* **PROBLEM STATEMENT**
Quote exactly the lines from the start of the entries to the one with "frame((0.635, 0.0, 0.0)))", both ends included.
*** AVAILABLE DATA ***
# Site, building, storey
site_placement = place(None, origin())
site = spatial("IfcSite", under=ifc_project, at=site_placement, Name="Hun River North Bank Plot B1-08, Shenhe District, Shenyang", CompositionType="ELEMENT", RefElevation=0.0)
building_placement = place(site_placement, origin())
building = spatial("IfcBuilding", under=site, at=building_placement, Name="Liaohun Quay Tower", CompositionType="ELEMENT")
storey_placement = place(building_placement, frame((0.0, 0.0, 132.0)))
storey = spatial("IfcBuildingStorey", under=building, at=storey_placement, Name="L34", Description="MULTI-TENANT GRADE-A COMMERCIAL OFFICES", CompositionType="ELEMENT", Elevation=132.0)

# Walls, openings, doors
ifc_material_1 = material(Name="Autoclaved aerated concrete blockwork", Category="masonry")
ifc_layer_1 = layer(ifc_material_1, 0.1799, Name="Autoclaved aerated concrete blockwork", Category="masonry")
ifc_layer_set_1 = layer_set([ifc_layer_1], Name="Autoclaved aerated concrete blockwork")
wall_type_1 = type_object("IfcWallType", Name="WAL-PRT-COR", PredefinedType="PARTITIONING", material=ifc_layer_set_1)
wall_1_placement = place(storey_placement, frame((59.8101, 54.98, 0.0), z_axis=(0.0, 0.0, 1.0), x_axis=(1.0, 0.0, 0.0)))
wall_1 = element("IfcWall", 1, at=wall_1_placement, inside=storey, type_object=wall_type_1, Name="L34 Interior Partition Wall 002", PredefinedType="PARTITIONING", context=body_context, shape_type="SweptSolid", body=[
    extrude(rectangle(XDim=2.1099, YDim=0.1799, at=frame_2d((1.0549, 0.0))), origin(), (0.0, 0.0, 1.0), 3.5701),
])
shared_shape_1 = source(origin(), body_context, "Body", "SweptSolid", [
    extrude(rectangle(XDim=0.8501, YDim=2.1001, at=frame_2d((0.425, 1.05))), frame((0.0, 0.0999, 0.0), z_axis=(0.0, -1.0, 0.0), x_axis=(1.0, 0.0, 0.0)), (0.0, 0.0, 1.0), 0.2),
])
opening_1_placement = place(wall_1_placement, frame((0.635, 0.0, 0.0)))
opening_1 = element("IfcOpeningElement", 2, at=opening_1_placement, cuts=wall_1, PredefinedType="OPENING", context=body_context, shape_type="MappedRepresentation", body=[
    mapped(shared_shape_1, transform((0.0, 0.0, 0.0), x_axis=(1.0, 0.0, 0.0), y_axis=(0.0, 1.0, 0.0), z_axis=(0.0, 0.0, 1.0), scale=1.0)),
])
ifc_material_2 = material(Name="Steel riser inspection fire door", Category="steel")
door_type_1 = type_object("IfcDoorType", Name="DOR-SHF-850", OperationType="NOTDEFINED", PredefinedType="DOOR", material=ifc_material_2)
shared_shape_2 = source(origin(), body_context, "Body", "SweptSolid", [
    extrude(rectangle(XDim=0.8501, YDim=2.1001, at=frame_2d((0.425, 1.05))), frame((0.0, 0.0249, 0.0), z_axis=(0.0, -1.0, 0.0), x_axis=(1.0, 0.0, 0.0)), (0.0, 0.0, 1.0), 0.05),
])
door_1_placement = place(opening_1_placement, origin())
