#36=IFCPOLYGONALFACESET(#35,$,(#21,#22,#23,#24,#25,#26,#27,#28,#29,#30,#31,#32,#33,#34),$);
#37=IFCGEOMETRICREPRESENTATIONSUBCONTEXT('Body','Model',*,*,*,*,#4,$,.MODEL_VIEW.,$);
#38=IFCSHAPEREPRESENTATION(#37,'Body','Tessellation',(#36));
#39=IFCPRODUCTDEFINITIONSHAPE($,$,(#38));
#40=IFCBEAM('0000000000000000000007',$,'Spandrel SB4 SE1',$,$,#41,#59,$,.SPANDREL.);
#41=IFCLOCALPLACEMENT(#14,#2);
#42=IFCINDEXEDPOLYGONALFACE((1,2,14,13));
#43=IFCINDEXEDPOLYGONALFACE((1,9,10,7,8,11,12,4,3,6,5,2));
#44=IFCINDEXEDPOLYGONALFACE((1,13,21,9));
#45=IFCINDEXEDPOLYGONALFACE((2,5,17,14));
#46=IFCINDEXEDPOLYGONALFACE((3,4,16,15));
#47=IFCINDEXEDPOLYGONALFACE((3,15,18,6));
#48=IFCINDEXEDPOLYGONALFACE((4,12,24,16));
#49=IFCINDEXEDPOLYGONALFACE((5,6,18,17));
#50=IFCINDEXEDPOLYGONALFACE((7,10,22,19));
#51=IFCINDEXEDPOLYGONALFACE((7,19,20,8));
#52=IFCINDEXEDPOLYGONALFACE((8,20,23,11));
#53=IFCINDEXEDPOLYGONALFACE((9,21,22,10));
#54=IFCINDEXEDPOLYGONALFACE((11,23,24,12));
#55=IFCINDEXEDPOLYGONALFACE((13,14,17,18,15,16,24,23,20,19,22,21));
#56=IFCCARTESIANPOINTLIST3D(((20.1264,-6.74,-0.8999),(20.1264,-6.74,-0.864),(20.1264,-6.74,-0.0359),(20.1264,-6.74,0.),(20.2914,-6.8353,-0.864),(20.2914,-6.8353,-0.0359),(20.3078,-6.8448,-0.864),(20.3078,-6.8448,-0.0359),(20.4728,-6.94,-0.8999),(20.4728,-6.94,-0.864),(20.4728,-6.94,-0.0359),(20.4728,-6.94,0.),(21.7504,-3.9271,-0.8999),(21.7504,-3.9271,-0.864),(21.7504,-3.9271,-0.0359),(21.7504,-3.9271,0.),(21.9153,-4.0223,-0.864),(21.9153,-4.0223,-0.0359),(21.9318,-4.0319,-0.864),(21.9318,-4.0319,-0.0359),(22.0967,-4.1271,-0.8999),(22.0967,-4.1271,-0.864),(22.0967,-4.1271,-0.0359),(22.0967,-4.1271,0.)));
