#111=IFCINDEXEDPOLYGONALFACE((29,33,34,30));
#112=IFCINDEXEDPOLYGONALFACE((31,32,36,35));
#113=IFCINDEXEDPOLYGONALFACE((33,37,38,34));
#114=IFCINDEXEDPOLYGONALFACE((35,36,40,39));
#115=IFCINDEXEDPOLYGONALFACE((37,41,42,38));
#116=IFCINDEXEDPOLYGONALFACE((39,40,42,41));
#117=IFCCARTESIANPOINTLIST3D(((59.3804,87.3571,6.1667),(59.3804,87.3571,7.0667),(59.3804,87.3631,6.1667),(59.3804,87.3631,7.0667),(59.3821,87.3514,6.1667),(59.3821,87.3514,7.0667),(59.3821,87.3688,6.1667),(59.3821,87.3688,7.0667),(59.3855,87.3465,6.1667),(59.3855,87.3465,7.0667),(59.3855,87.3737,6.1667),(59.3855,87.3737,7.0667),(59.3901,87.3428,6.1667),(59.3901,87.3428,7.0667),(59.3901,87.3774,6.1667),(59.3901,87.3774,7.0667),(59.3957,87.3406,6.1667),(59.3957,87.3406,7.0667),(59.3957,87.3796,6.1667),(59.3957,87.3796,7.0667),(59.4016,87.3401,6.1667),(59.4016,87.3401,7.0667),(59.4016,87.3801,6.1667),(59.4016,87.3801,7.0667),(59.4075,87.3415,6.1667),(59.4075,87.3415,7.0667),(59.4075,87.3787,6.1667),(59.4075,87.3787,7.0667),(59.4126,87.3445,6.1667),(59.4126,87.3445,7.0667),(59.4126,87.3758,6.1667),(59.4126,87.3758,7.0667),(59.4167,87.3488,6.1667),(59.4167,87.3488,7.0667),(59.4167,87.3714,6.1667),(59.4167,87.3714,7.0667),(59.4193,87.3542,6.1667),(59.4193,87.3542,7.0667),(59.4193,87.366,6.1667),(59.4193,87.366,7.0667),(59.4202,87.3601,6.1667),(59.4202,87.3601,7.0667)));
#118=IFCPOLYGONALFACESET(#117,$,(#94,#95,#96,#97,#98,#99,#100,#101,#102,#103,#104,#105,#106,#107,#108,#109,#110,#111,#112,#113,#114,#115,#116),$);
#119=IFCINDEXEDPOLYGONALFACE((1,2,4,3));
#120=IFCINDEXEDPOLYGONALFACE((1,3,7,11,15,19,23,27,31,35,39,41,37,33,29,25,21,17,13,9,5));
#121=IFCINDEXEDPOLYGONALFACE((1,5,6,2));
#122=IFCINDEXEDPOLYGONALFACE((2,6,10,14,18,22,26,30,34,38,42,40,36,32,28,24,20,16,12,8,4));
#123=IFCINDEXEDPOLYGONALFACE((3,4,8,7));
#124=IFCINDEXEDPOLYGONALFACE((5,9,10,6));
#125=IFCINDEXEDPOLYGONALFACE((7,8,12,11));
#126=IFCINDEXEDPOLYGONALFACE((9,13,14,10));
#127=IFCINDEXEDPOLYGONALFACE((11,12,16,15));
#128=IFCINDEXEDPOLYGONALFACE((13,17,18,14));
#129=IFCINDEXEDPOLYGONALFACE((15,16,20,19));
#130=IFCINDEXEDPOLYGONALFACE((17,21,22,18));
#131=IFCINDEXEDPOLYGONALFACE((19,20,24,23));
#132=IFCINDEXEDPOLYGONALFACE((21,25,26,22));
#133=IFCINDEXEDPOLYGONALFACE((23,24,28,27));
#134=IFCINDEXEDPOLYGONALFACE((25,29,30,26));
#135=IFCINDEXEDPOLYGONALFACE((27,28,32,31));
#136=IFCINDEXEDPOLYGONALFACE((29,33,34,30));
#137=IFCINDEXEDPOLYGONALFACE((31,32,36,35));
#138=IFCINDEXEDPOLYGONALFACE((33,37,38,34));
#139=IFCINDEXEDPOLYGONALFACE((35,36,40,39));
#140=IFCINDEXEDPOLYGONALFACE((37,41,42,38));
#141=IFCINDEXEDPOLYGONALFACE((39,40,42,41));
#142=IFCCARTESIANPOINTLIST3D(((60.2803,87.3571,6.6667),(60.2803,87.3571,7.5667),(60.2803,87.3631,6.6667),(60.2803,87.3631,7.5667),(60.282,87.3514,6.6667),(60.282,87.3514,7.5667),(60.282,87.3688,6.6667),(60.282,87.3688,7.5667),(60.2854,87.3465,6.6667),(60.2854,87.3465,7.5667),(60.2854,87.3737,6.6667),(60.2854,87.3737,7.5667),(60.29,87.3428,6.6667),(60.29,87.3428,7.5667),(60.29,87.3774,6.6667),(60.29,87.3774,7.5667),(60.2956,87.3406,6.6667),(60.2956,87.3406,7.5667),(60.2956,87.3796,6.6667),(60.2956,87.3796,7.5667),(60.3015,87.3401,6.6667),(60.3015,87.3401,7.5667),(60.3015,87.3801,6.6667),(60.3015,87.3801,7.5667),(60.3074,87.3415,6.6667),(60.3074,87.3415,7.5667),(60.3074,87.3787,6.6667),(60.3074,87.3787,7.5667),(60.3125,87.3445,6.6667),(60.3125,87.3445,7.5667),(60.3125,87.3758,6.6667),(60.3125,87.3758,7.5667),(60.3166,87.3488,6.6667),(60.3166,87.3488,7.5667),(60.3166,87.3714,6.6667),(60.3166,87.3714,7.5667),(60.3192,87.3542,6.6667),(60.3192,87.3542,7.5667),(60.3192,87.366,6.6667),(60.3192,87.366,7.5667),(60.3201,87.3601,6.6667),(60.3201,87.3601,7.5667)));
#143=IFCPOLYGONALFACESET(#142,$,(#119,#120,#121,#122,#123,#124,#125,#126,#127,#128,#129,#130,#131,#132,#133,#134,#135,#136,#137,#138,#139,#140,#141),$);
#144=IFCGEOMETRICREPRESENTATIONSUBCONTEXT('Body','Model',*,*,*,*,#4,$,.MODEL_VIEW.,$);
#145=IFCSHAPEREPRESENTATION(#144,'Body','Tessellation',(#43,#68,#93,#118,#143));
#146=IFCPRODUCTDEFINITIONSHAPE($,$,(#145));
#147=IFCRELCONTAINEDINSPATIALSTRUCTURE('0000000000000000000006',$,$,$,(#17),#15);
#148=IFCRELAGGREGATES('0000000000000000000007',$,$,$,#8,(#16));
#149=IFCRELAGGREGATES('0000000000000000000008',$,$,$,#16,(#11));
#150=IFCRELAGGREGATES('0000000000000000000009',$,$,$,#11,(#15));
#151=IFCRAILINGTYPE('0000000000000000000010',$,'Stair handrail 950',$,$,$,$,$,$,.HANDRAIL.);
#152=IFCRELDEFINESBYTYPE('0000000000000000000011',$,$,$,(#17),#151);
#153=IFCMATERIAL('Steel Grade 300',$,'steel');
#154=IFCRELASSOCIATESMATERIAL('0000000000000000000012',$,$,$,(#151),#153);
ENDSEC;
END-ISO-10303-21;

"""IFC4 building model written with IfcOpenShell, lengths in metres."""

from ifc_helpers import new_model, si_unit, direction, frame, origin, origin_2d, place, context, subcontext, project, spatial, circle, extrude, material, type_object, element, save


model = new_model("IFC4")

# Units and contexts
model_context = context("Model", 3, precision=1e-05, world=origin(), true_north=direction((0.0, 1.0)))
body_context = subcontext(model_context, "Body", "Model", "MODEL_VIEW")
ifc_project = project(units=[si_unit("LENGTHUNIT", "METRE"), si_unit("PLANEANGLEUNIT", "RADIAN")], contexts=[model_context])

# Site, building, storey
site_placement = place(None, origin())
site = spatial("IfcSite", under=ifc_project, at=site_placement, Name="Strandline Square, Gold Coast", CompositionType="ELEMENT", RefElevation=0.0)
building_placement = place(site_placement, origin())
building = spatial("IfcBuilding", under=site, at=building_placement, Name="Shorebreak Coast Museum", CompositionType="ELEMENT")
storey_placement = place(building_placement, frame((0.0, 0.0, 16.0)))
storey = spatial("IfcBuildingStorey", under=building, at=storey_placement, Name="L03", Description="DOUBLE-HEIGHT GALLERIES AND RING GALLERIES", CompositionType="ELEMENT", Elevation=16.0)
*** End of AVAILABLE DATA ***
* **WRITTEN SOLUTION**
# Site, building, storey
site_placement = place(None, origin())
site = spatial("IfcSite", under=ifc_project, at=site_placement, Name="Hun River North Bank Plot B1-08, Shenhe District, Shenyang", CompositionType="ELEMENT", RefElevation=0.0)
building_placement = place(site_placement, origin())
building = spatial("IfcBuilding", under=site, at=building_placement, Name="Liaohun Quay Tower", CompositionType="ELEMENT")
storey_placement = place(building_placement, frame((0.0, 0.0, 132.0)))
storey = spatial("IfcBuildingStorey", under=building, at=storey_placement, Name="L34", Description="MULTI-TENANT GRADE-A COMMERCIAL OFFICES", CompositionType="ELEMENT", Elevation=132.0)

# Walls, openings, doors
ifc_material_1 = material(Name="Autoclaved aerated concrete blockwork", Category="masonry")
ifc_layer_1 = layer(ifc_material_1, 0.1799, Name="Autoclaved aerated concrete blockwork", Category="masonry")
ifc_layer_set_1 = layer_set([ifc_layer_1], Name="Autoclaved aerated concrete blockwork")
wall_type_1 = type_object("IfcWallType", Name="WAL-PRT-COR", PredefinedType="PARTITIONING", material=ifc_layer_set_1)
wall_1_placement = place(storey_placement, frame((59.8101, 54.98, 0.0), z_axis=(0.0, 0.0, 1.0), x_axis=(1.0, 0.0, 0.0)))
wall_1 = element("IfcWall", 1, at=wall_1_placement, inside=storey, type_object=wall_type_1, Name="L34 Interior Partition Wall 002", PredefinedType="PARTITIONING", context=body_context, shape_type="SweptSolid", body=[
    extrude(rectangle(XDim=2.1099, YDim=0.1799, at=frame_2d((1.0549, 0.0))), origin(), (0.0, 0.0, 1.0), 3.5701),
])
shared_shape_1 = source(origin(), body_context, "Body", "SweptSolid", [
    extrude(rectangle(XDim=0.8501, YDim=2.1001, at=frame_2d((0.425, 1.05))), frame((0.0, 0.0999, 0.0), z_axis=(0.0, -1.0, 0.0), x_axis=(1.0, 0.0, 0.0)), (0.0, 0.0, 1.0), 0.2),
])
opening_1_placement = place(wall_1_placement, frame((0.635, 0.0, 0.0)))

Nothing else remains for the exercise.